* Your instructions:
Word for word, retype the first line of the records and every following line through the one containing "#183=IFCMATERIALLAYER(#182,0.3,$,$,$,$,$);".
##### Material to process #####
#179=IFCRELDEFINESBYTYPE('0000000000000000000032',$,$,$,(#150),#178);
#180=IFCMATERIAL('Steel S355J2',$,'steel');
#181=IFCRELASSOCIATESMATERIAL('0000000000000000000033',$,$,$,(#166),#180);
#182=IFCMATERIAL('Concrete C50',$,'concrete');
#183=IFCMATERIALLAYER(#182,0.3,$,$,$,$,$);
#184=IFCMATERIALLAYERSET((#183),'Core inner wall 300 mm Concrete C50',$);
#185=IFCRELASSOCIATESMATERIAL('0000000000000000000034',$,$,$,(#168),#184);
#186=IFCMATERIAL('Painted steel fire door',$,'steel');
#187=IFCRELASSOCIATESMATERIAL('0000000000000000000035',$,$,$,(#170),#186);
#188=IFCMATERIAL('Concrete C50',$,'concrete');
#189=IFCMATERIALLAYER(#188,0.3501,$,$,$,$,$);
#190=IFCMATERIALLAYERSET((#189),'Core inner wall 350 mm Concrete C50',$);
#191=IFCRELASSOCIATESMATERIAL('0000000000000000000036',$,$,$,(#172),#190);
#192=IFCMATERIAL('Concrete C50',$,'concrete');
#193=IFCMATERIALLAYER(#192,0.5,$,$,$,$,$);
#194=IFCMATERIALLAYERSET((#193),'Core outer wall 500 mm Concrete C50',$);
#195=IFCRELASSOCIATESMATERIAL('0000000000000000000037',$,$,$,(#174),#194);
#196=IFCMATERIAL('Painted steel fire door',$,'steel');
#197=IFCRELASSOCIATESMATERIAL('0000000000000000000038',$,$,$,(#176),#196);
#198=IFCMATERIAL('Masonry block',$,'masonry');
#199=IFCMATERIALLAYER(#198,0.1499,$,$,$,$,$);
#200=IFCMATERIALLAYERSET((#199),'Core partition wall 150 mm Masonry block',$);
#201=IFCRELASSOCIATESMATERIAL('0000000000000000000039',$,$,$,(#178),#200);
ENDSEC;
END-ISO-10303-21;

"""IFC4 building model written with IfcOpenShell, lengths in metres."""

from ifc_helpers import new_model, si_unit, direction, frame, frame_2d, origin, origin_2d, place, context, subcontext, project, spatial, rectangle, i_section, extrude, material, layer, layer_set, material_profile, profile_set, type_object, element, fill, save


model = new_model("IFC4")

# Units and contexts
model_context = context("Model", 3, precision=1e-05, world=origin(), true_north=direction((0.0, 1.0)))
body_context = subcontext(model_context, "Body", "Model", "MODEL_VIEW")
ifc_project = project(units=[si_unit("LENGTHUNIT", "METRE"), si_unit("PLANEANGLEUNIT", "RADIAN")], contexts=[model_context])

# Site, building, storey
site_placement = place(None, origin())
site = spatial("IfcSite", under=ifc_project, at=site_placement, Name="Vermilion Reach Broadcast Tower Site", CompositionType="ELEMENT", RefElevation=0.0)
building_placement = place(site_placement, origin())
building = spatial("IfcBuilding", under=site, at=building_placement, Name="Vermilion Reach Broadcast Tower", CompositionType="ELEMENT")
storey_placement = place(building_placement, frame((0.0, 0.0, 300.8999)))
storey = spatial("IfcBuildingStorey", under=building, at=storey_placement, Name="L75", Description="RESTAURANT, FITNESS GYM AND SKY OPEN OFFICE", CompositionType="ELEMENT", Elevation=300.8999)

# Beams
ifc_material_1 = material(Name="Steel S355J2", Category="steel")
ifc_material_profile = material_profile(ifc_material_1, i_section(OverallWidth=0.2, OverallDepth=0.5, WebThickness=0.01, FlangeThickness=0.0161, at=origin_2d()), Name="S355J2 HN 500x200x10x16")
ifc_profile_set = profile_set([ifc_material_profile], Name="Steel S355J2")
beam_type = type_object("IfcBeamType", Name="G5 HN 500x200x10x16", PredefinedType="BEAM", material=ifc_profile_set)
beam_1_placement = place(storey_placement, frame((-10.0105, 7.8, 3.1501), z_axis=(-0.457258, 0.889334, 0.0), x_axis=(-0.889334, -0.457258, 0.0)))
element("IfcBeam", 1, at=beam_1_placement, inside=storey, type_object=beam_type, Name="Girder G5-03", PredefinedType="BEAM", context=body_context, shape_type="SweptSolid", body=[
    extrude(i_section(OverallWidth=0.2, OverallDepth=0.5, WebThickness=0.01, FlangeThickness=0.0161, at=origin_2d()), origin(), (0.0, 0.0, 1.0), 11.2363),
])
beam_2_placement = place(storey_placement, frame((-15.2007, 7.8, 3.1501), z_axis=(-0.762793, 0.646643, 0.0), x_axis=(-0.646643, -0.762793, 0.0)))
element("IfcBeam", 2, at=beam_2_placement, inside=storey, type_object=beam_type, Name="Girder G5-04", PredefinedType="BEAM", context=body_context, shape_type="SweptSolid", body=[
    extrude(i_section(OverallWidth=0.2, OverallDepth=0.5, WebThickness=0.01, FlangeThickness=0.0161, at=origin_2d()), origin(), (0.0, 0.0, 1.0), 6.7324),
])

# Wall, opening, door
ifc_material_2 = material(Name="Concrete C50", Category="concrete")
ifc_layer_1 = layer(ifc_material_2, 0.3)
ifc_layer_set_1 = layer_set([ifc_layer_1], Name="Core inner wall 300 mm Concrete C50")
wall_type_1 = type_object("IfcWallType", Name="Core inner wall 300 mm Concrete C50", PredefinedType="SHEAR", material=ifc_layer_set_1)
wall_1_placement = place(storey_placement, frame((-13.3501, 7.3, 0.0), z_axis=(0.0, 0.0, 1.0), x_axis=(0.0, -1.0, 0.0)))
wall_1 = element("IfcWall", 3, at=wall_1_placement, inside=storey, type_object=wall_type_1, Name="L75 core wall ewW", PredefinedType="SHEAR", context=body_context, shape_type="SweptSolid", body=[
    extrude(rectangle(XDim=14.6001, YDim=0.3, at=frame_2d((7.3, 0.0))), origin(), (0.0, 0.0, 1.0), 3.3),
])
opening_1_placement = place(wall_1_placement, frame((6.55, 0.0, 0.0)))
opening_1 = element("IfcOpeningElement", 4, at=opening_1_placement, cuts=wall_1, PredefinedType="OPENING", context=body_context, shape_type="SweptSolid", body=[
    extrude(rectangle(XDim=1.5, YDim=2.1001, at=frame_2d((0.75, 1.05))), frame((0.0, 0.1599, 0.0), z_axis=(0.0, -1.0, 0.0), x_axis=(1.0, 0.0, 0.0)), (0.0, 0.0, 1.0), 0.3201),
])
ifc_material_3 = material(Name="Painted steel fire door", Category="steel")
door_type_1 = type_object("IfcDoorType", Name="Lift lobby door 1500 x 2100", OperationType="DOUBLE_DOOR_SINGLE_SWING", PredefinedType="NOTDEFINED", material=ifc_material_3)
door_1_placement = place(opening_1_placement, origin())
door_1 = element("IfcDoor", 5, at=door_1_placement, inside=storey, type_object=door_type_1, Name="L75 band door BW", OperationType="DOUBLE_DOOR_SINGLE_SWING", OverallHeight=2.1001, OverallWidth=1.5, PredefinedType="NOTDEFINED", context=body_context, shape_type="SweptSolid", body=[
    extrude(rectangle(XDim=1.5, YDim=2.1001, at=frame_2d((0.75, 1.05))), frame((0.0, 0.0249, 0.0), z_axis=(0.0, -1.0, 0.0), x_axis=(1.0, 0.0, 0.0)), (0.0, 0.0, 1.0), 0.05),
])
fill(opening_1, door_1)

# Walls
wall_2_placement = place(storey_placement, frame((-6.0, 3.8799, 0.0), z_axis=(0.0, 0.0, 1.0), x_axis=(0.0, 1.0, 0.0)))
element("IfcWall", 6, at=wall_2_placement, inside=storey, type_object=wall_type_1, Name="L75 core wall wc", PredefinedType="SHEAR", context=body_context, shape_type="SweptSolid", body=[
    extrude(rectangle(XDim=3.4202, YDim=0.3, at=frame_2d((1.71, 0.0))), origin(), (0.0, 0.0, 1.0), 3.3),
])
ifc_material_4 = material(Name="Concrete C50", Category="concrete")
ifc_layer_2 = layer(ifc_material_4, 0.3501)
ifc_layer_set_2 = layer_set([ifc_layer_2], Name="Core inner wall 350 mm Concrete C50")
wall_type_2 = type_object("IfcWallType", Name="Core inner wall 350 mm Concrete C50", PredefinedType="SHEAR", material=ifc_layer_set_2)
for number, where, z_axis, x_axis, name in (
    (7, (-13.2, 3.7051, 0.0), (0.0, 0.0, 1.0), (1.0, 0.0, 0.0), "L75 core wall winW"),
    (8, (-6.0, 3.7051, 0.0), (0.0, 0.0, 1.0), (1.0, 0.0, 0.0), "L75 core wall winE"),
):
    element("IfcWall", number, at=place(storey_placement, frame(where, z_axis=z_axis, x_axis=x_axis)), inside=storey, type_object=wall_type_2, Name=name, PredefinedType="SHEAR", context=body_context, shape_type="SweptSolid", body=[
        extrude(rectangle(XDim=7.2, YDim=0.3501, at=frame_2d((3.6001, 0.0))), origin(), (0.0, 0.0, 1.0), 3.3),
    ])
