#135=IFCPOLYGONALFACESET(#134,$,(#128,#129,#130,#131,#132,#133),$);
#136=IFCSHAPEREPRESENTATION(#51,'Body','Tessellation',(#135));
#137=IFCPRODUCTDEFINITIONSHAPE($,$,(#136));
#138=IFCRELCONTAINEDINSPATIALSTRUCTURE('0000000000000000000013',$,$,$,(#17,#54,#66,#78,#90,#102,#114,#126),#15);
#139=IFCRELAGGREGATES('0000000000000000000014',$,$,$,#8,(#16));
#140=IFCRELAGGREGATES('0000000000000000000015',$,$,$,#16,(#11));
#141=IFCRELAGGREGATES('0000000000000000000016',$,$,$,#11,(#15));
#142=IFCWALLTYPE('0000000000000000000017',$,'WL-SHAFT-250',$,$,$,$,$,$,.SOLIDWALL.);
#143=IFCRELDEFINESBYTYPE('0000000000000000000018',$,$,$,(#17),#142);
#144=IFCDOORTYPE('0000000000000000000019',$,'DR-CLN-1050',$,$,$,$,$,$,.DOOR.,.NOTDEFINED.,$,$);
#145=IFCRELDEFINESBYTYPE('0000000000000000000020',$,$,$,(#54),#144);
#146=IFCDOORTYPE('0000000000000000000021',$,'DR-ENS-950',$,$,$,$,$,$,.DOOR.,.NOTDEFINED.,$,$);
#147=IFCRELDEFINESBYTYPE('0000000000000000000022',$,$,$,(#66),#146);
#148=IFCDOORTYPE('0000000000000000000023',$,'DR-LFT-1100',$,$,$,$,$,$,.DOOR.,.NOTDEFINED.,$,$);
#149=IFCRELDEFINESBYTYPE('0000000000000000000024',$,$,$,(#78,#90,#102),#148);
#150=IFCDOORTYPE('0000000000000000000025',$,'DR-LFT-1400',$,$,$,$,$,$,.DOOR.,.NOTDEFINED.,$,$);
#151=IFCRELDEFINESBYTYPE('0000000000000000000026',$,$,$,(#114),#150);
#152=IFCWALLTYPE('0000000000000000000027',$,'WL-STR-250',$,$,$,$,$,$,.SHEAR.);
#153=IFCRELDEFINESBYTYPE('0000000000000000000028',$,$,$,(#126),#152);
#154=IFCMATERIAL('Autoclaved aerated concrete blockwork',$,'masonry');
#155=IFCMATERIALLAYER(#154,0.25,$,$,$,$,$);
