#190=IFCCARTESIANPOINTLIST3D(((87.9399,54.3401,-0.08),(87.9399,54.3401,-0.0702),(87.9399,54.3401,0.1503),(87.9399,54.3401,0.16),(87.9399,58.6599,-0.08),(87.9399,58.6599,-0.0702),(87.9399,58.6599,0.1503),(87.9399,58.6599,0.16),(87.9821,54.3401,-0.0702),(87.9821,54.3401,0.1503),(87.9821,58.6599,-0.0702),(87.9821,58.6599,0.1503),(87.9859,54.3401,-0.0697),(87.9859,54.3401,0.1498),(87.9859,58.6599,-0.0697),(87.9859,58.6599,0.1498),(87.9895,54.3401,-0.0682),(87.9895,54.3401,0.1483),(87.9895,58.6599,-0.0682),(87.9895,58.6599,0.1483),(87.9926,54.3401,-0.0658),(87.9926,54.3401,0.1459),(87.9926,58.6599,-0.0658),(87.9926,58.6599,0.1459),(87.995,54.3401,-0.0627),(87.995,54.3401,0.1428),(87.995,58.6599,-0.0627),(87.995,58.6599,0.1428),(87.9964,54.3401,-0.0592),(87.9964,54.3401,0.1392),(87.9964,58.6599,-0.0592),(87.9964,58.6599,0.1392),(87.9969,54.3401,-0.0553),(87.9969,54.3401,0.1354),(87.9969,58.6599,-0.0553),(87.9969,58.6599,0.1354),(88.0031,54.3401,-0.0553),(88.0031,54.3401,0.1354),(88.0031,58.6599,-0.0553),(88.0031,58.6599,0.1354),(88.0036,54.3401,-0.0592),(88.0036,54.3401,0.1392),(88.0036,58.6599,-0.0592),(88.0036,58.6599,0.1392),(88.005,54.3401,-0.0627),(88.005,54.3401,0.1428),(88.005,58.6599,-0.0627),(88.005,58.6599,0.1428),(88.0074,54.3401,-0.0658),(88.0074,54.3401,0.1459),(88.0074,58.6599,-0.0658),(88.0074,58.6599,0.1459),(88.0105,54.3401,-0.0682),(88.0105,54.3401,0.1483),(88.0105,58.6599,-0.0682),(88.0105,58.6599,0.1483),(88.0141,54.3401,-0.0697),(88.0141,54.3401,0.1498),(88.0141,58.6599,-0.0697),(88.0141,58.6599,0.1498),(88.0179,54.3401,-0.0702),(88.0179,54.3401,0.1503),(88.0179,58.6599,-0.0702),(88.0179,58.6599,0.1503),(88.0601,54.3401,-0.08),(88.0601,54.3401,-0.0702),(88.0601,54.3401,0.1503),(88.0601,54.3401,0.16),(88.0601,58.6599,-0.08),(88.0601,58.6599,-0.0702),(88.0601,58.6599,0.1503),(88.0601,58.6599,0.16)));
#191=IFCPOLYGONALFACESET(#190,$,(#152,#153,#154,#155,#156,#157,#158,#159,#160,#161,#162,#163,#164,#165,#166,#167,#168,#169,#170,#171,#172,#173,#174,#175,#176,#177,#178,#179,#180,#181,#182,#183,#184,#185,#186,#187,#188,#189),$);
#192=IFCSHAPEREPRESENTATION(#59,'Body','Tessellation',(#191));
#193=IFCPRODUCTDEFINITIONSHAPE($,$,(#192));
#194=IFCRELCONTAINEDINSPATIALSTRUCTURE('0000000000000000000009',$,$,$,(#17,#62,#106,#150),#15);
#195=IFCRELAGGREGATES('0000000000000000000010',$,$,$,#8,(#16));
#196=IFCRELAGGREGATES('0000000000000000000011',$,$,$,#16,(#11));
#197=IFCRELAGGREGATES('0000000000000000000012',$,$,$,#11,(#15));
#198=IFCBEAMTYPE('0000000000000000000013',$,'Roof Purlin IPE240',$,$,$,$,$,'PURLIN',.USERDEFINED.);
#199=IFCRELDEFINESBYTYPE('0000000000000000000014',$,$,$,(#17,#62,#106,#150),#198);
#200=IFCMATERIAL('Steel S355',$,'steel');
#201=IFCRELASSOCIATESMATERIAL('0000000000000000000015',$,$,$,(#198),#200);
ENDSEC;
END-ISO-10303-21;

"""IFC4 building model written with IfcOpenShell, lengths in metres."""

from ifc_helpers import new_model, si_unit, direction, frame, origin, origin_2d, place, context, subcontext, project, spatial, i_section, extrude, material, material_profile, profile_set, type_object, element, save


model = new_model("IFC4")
#####
* Answer to this exercise:
#179=IFCRELDEFINESBYTYPE('0000000000000000000032',$,$,$,(#150),#178);
#180=IFCMATERIAL('Steel S355J2',$,'steel');
#181=IFCRELASSOCIATESMATERIAL('0000000000000000000033',$,$,$,(#166),#180);
#182=IFCMATERIAL('Concrete C50',$,'concrete');
#183=IFCMATERIALLAYER(#182,0.3,$,$,$,$,$);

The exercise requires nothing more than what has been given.